START DATASET ENTRIES

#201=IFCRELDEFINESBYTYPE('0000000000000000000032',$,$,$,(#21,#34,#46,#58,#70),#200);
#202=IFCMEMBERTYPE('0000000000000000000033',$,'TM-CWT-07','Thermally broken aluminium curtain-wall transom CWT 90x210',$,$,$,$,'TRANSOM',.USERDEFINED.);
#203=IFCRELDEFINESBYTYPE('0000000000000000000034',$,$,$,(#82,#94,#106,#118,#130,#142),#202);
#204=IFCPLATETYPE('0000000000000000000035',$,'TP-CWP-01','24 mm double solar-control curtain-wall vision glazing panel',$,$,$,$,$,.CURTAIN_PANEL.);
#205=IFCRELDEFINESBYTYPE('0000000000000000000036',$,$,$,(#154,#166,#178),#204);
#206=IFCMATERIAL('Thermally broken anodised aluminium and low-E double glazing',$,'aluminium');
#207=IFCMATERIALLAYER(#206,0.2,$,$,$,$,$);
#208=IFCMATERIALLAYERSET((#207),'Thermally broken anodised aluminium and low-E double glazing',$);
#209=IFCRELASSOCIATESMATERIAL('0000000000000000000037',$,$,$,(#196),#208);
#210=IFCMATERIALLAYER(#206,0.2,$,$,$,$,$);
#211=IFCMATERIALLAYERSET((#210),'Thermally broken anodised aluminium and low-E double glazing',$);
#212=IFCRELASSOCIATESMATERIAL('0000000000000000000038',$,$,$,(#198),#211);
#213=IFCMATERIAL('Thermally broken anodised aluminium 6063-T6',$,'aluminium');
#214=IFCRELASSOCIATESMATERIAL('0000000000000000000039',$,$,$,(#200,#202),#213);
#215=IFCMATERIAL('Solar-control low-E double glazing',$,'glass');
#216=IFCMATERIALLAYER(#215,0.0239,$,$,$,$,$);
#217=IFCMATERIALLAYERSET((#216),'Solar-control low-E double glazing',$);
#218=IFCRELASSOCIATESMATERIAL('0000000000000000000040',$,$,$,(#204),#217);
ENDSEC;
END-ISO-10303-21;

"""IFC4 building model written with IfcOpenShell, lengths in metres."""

END DATASET ENTRIES

WHAT NEEDS TO BE DONE. The material above should be given again in full, exactly.

SOLVED PROBLEM.
#201=IFCRELDEFINESBYTYPE('0000000000000000000032',$,$,$,(#21,#34,#46,#58,#70),#200);
#202=IFCMEMBERTYPE('0000000000000000000033',$,'TM-CWT-07','Thermally broken aluminium curtain-wall transom CWT 90x210',$,$,$,$,'TRANSOM',.USERDEFINED.);
#203=IFCRELDEFINESBYTYPE('0000000000000000000034',$,$,$,(#82,#94,#106,#118,#130,#142),#202);
#204=IFCPLATETYPE('0000000000000000000035',$,'TP-CWP-01','24 mm double solar-control curtain-wall vision glazing panel',$,$,$,$,$,.CURTAIN_PANEL.);
#205=IFCRELDEFINESBYTYPE('0000000000000000000036',$,$,$,(#154,#166,#178),#204);
#206=IFCMATERIAL('Thermally broken anodised aluminium and low-E double glazing',$,'aluminium');
#207=IFCMATERIALLAYER(#206,0.2,$,$,$,$,$);
#208=IFCMATERIALLAYERSET((#207),'Thermally broken anodised aluminium and low-E double glazing',$);
#209=IFCRELASSOCIATESMATERIAL('0000000000000000000037',$,$,$,(#196),#208);
#210=IFCMATERIALLAYER(#206,0.2,$,$,$,$,$);
#211=IFCMATERIALLAYERSET((#210),'Thermally broken anodised aluminium and low-E double glazing',$);
#212=IFCRELASSOCIATESMATERIAL('0000000000000000000038',$,$,$,(#198),#211);
#213=IFCMATERIAL('Thermally broken anodised aluminium 6063-T6',$,'aluminium');
#214=IFCRELASSOCIATESMATERIAL('0000000000000000000039',$,$,$,(#200,#202),#213);
#215=IFCMATERIAL('Solar-control low-E double glazing',$,'glass');
#216=IFCMATERIALLAYER(#215,0.0239,$,$,$,$,$);
#217=IFCMATERIALLAYERSET((#216),'Solar-control low-E double glazing',$);
#218=IFCRELASSOCIATESMATERIAL('0000000000000000000040',$,$,$,(#204),#217);
ENDSEC;
END-ISO-10303-21;

"""IFC4 building model written with IfcOpenShell, lengths in metres."""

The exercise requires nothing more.